When you find the line with "#84=IFCWALL('0000000000000000000010',$,'CS8 stair house" among the records below, reproduce it and each line after it exactly, ending with the line with "#91=IFCINDEXEDPOLYGONALFACE((5,7,8,6));".

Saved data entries
# # #

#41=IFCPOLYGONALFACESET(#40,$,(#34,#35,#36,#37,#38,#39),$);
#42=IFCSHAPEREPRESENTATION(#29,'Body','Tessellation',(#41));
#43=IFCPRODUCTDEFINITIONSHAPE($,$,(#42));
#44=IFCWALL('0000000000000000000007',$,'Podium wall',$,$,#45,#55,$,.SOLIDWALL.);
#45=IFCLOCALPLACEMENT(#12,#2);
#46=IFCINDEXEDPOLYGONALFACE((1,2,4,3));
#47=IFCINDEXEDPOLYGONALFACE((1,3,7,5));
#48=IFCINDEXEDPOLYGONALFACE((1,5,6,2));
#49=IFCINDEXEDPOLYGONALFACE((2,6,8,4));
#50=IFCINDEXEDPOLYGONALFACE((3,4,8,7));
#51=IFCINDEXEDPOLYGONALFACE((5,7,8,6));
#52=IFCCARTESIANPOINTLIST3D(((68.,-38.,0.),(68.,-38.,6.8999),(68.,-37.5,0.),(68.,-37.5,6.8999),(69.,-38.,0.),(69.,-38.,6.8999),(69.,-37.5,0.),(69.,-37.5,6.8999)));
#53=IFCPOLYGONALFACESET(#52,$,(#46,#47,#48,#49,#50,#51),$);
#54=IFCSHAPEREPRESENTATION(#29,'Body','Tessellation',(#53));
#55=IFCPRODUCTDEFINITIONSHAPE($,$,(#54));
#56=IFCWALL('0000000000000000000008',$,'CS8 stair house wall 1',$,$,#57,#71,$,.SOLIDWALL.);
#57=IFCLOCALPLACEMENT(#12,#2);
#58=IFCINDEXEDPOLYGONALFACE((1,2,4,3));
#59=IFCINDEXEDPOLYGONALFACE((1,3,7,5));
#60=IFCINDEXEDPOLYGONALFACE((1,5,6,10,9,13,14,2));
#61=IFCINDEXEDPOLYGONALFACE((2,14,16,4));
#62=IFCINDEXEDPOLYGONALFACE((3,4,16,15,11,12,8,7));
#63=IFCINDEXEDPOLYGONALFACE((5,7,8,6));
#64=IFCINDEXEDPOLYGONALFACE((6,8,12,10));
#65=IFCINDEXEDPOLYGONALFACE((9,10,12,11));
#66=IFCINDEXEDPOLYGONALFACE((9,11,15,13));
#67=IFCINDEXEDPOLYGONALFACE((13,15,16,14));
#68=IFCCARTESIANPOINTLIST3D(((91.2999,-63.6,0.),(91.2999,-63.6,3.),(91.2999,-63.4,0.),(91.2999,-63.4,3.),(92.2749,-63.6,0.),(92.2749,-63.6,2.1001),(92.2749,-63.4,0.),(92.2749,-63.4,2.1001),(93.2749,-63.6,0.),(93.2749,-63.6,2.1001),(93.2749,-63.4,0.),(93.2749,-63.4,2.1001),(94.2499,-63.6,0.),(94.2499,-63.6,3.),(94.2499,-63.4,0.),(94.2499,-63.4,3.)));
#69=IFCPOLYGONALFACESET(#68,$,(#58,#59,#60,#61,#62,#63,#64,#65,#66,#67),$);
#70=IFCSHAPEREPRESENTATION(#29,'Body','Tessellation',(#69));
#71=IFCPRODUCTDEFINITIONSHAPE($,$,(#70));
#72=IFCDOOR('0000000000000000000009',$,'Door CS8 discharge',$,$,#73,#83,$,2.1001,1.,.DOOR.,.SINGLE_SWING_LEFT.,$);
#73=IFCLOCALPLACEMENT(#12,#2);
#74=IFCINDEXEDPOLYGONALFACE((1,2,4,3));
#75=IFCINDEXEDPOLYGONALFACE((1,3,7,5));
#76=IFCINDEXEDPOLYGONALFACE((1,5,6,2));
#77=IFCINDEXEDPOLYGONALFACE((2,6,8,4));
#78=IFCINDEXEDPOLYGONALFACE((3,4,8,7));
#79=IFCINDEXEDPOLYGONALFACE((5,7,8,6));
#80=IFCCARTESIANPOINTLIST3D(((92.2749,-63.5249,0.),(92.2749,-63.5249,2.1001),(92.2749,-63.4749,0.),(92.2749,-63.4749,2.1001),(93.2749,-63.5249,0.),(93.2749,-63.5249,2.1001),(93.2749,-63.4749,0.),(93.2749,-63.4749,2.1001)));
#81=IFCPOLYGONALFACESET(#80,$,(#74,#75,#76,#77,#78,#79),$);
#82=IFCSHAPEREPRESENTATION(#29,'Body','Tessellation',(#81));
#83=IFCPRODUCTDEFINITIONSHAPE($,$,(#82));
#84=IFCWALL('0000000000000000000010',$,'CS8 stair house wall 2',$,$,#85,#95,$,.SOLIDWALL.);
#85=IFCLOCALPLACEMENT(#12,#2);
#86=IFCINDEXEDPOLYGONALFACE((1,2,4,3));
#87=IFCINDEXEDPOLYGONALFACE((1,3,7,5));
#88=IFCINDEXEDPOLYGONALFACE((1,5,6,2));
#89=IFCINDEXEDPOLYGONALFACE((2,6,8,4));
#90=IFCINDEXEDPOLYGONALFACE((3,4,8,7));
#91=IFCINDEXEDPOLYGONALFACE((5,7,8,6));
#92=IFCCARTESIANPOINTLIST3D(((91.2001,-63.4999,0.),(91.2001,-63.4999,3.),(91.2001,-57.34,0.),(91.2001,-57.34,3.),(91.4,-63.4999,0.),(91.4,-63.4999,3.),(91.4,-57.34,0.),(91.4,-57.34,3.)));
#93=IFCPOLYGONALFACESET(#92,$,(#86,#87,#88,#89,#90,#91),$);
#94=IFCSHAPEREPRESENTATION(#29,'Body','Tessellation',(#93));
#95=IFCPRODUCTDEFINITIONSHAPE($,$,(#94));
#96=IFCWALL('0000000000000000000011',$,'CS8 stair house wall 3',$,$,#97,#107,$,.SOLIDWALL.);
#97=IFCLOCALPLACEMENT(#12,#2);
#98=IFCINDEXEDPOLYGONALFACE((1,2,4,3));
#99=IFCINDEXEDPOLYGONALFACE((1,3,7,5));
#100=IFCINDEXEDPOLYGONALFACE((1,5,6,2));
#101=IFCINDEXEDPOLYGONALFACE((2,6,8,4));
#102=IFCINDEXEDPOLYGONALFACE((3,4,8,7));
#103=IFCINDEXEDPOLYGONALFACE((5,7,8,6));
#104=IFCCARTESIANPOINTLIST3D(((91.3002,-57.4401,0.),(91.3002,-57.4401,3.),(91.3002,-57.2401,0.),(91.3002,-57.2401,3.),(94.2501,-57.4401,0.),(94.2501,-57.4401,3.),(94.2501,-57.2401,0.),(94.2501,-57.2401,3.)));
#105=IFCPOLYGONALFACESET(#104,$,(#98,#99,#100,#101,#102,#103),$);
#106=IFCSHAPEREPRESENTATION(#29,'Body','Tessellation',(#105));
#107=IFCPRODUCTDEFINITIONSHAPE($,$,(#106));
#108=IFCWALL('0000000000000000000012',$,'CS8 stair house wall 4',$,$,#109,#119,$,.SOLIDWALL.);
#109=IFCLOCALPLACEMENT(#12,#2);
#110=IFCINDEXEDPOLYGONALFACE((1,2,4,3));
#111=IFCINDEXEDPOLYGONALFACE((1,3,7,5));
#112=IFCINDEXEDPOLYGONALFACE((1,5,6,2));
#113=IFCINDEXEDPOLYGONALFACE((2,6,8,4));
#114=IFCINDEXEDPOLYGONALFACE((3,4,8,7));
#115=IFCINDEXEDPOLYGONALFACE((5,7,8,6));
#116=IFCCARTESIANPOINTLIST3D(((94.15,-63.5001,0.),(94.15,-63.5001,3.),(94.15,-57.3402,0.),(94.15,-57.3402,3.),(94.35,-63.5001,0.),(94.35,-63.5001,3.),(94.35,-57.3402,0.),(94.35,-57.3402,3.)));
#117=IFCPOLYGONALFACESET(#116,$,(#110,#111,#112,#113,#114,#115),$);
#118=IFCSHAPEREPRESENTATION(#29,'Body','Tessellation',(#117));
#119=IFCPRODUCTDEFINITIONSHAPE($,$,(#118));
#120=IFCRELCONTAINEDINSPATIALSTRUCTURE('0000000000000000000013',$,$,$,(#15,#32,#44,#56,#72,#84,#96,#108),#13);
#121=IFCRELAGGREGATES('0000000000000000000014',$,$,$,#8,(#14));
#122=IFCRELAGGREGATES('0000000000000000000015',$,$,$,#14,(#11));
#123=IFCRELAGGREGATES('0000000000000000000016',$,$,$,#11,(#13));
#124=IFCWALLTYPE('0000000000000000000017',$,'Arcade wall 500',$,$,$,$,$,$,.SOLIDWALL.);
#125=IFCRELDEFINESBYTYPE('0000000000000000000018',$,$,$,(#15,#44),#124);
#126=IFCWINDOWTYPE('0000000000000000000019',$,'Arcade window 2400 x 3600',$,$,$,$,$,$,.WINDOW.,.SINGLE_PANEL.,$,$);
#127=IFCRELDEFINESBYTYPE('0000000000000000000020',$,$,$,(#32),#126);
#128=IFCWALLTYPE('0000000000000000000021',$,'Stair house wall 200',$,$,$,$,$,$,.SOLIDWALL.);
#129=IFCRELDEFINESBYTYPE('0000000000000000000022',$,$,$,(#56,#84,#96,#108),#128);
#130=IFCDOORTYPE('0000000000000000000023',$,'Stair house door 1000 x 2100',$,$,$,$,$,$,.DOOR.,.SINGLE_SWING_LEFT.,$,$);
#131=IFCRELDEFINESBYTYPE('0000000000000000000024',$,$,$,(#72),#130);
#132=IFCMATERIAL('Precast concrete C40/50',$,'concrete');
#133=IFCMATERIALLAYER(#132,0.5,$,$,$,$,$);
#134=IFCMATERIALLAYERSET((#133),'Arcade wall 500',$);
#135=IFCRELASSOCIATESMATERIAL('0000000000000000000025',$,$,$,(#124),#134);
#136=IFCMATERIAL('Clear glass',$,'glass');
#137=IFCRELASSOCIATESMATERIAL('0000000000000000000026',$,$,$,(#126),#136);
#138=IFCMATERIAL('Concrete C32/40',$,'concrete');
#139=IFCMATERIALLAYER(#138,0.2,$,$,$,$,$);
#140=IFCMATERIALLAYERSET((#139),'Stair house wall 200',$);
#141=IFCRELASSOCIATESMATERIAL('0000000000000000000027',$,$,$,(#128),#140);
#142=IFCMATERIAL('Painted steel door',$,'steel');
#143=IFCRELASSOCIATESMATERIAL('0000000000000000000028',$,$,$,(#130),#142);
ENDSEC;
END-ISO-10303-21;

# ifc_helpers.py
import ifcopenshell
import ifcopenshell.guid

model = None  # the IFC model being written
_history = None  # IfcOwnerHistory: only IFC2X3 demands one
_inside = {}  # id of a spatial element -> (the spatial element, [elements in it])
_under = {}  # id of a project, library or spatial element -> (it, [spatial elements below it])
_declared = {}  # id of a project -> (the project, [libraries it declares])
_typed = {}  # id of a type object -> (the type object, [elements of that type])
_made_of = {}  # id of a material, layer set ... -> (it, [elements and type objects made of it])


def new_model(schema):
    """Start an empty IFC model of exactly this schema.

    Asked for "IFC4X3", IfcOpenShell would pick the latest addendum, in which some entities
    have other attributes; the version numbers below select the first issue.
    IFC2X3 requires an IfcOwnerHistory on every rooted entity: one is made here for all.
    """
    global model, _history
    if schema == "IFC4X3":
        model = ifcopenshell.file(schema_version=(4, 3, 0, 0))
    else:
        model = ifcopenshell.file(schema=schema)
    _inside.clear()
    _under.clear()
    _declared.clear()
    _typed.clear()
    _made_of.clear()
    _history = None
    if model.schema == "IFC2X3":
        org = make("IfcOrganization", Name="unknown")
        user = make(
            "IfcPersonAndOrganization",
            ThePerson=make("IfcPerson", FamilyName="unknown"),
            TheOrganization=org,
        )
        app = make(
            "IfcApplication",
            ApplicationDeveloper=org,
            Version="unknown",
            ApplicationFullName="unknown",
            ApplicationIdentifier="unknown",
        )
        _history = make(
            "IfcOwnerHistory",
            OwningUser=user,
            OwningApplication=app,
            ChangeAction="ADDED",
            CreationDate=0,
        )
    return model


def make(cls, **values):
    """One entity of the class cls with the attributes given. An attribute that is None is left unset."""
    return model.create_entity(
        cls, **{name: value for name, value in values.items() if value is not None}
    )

# # #

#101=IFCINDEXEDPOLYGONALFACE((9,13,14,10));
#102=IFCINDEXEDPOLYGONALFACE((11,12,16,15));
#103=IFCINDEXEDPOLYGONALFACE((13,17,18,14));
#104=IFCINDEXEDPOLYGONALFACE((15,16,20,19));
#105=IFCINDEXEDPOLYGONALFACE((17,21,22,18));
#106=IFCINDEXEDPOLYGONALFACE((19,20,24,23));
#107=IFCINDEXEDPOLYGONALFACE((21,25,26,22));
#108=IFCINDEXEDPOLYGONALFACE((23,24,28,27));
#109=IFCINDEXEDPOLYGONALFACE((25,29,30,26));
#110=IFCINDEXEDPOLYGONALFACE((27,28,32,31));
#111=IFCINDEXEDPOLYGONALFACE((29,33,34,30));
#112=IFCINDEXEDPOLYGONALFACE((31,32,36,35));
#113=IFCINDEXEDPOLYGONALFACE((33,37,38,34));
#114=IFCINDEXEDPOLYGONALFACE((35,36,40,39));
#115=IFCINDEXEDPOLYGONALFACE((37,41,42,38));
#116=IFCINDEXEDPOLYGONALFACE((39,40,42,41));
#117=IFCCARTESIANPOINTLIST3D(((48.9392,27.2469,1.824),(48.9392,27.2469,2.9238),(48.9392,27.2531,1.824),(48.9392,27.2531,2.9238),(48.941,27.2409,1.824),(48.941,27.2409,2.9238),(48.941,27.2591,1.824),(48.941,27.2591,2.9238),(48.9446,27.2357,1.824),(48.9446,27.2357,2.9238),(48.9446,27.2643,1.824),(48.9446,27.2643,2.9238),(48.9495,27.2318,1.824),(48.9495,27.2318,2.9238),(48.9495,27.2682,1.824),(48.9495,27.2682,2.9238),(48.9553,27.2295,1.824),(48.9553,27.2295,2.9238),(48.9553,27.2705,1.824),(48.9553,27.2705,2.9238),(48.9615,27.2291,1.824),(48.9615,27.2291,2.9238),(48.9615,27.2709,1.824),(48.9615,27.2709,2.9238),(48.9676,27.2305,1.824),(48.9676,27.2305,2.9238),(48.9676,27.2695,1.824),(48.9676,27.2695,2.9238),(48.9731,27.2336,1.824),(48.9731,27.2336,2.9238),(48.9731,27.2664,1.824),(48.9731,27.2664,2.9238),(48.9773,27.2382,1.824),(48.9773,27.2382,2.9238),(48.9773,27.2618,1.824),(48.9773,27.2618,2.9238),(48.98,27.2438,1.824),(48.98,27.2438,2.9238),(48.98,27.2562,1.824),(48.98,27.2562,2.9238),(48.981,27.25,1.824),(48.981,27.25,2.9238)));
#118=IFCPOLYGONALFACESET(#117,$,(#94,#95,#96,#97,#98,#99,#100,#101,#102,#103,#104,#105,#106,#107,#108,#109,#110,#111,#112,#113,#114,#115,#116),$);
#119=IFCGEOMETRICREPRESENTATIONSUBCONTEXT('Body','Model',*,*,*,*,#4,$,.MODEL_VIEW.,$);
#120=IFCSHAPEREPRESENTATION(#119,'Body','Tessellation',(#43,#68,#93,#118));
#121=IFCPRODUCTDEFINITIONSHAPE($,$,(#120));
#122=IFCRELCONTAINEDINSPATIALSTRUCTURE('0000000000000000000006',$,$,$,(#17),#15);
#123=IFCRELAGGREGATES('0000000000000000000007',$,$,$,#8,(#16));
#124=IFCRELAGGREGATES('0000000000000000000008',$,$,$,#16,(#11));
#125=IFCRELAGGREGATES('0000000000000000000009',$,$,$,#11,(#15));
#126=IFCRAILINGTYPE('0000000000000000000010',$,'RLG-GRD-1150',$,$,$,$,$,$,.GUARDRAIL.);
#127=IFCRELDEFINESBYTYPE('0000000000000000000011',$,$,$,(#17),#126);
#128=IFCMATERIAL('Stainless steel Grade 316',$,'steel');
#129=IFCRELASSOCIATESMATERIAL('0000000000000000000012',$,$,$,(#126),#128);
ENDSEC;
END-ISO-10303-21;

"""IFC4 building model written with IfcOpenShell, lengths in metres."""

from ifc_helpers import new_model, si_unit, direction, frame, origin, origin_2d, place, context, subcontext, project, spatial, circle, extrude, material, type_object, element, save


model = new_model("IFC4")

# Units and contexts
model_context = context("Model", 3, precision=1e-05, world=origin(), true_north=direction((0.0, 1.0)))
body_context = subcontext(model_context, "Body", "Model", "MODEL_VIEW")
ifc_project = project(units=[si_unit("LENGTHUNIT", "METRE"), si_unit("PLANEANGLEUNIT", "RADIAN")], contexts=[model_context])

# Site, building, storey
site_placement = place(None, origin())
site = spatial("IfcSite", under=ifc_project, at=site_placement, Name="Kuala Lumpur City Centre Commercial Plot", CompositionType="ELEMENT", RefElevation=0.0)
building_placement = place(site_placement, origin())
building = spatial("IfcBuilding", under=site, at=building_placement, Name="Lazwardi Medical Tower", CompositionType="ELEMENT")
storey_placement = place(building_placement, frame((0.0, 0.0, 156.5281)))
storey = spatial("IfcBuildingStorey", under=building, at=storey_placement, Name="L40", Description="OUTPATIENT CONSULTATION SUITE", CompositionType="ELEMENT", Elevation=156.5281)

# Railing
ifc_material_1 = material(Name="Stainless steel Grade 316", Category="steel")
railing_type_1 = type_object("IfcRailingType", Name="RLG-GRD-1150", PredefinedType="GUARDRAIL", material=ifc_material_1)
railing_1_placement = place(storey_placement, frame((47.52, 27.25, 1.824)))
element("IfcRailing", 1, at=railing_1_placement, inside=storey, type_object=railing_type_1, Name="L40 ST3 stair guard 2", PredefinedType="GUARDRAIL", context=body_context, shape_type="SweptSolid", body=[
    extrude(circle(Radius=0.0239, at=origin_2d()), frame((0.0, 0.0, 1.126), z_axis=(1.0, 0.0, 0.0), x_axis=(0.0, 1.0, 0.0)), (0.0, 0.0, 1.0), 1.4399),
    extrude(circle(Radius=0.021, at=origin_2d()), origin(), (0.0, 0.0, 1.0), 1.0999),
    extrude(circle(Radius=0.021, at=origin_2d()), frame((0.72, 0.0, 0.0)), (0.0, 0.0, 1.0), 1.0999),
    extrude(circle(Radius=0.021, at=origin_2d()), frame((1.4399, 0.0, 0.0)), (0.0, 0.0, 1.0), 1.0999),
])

# # #

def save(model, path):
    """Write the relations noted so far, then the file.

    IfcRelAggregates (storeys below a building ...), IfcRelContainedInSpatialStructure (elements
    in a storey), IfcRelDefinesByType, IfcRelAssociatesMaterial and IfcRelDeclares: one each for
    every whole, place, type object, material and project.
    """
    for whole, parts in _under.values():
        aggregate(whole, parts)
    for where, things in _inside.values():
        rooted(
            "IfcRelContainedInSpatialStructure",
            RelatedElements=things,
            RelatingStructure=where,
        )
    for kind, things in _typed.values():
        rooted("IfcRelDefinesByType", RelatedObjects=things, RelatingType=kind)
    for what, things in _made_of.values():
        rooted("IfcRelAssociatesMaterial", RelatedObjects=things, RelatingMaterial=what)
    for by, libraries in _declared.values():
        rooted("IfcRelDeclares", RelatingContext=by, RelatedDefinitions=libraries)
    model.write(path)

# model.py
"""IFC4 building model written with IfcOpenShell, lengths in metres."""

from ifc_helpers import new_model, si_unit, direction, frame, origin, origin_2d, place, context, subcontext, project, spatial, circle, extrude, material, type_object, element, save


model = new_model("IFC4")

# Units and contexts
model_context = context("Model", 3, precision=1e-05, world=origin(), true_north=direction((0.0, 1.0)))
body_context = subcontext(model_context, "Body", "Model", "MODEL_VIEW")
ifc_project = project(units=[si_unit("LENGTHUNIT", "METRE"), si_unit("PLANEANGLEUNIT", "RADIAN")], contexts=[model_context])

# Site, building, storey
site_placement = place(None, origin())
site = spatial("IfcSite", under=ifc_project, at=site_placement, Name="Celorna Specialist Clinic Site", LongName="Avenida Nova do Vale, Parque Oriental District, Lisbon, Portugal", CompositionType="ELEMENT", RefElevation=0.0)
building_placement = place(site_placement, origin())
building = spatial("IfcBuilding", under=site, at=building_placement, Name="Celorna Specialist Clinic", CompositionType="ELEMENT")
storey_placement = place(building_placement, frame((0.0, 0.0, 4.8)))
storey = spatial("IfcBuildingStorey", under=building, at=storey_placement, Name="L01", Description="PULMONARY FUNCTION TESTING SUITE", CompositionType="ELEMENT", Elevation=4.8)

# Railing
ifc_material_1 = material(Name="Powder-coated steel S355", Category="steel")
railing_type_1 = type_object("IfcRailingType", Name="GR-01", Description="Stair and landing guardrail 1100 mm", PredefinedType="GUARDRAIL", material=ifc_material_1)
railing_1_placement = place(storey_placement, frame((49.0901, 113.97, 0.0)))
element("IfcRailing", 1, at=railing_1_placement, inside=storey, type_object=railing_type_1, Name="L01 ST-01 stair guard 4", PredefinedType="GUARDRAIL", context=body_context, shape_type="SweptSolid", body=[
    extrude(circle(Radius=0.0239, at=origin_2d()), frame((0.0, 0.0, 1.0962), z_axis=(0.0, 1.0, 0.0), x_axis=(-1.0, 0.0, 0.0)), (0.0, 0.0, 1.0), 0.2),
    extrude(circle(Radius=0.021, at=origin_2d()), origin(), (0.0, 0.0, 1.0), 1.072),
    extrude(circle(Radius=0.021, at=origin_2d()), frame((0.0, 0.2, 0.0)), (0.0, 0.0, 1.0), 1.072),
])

# # #

▸ **Task answer**
#84=IFCWALL('0000000000000000000010',$,'CS8 stair house wall 2',$,$,#85,#95,$,.SOLIDWALL.);
#85=IFCLOCALPLACEMENT(#12,#2);
#86=IFCINDEXEDPOLYGONALFACE((1,2,4,3));
#87=IFCINDEXEDPOLYGONALFACE((1,3,7,5));
#88=IFCINDEXEDPOLYGONALFACE((1,5,6,2));
#89=IFCINDEXEDPOLYGONALFACE((2,6,8,4));
#90=IFCINDEXEDPOLYGONALFACE((3,4,8,7));
#91=IFCINDEXEDPOLYGONALFACE((5,7,8,6));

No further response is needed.